> _Assigned task_: Could you copy every line of the data that contains the word "WallThickness"?

> _Extracted entries_:
Content starts
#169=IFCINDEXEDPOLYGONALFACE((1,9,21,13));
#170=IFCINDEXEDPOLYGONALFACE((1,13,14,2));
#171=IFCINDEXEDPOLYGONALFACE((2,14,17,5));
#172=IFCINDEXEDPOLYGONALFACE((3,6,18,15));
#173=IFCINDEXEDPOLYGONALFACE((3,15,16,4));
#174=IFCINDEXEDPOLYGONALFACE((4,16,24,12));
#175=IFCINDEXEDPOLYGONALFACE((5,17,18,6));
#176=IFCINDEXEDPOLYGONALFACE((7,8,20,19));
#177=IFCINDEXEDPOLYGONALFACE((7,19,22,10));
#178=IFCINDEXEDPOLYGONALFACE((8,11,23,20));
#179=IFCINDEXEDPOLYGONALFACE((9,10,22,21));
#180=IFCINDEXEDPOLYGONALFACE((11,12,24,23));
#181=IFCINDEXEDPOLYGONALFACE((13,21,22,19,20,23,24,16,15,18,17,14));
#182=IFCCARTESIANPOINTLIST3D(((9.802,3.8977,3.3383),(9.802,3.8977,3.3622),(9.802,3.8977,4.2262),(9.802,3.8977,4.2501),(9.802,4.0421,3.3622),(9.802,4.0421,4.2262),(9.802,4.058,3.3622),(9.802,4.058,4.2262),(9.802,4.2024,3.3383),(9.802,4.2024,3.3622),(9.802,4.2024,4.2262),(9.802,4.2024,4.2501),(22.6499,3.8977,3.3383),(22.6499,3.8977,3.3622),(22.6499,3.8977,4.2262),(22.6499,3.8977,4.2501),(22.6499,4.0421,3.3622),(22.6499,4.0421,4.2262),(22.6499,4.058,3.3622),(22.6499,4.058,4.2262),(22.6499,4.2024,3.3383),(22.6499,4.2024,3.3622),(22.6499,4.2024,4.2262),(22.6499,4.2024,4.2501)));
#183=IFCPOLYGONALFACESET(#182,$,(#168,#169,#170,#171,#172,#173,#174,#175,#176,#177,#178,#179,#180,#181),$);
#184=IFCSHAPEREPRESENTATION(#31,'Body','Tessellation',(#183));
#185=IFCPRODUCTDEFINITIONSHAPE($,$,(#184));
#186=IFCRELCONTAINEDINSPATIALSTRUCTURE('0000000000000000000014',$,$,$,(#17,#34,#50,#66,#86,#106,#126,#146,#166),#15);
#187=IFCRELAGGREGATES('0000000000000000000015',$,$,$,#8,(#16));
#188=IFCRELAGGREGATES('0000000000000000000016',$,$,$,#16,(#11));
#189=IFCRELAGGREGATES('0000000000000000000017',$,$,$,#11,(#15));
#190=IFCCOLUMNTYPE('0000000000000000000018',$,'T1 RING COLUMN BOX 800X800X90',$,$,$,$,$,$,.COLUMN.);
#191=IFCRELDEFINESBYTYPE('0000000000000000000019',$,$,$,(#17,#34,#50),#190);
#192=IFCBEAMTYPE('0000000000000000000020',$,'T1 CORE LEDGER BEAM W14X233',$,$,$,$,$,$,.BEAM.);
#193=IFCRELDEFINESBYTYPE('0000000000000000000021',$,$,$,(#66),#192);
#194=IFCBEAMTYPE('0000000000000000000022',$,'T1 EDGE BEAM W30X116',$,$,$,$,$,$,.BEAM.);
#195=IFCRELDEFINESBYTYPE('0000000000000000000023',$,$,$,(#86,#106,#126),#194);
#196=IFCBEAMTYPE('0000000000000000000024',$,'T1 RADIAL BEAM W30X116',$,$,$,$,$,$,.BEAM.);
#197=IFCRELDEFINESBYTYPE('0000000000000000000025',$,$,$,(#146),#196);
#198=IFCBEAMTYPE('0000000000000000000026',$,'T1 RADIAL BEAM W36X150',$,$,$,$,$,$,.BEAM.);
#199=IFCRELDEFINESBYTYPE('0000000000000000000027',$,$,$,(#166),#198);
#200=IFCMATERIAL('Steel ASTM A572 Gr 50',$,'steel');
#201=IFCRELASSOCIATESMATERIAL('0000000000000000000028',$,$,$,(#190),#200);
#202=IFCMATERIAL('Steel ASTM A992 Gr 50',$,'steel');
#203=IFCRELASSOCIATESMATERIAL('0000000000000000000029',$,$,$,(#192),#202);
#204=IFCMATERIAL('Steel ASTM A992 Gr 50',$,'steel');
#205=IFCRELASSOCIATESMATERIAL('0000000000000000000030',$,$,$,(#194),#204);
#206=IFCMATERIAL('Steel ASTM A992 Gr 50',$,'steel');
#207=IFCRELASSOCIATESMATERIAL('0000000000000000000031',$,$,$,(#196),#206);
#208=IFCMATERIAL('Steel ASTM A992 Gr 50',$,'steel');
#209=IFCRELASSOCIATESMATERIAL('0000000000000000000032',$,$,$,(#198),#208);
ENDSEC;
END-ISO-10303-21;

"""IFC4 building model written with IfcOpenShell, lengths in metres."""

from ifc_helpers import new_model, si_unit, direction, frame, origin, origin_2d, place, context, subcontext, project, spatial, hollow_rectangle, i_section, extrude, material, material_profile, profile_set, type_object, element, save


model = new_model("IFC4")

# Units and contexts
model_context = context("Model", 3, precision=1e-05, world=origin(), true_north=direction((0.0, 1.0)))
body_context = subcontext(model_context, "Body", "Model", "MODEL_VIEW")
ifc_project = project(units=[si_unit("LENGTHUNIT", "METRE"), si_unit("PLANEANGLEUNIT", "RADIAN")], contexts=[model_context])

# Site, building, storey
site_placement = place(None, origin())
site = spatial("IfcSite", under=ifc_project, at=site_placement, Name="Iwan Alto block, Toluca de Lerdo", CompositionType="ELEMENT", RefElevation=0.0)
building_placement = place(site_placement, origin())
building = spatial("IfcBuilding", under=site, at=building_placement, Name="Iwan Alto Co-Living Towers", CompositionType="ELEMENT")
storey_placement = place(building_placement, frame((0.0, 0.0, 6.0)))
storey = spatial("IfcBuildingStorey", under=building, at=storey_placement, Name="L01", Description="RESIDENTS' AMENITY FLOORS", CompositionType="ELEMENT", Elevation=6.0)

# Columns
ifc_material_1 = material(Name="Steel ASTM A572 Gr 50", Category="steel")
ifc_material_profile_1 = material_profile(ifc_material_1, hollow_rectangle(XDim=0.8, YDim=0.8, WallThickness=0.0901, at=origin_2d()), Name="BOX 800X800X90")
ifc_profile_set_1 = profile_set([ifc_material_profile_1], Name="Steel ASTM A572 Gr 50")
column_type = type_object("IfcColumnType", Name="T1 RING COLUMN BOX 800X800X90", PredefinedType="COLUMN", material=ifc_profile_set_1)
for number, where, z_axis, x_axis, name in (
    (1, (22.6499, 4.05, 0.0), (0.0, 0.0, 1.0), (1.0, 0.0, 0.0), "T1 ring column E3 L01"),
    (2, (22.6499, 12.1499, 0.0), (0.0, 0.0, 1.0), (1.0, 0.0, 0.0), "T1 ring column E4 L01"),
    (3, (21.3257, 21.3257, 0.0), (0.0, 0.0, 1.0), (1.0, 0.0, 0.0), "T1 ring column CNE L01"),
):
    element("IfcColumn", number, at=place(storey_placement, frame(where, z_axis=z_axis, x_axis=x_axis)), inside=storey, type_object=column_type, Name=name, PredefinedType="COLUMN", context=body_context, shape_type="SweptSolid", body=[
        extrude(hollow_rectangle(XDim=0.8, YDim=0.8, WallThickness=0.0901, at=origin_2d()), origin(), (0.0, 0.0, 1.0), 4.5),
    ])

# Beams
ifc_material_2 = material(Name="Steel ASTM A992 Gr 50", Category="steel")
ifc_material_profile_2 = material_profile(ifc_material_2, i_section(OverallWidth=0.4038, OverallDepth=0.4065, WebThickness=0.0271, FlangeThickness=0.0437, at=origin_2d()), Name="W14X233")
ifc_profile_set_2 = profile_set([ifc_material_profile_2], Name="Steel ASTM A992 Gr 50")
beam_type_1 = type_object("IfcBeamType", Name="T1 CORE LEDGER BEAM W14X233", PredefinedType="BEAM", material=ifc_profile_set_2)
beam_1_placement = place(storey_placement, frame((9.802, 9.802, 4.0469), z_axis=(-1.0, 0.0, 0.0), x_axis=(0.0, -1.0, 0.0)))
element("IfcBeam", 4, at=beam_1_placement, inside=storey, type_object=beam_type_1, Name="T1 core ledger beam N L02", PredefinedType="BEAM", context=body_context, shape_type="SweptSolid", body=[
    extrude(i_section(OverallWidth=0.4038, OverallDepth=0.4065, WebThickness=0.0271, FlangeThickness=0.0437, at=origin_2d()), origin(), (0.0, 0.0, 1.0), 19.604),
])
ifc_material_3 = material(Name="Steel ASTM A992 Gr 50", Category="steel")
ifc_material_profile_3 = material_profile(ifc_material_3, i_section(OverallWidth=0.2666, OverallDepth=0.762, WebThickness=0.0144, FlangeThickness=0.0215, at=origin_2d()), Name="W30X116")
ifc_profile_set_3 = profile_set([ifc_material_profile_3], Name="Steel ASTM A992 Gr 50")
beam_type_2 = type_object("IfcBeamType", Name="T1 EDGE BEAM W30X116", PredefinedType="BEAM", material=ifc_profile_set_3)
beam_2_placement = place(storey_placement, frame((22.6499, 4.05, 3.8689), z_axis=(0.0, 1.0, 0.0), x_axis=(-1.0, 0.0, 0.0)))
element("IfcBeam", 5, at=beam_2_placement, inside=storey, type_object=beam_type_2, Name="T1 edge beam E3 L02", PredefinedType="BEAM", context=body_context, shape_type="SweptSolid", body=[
Content ends
> _Exercise answer_:
ifc_material_profile_1 = material_profile(ifc_material_1, hollow_rectangle(XDim=0.8, YDim=0.8, WallThickness=0.0901, at=origin_2d()), Name="BOX 800X800X90")
        extrude(hollow_rectangle(XDim=0.8, YDim=0.8, WallThickness=0.0901, at=origin_2d()), origin(), (0.0, 0.0, 1.0), 4.5),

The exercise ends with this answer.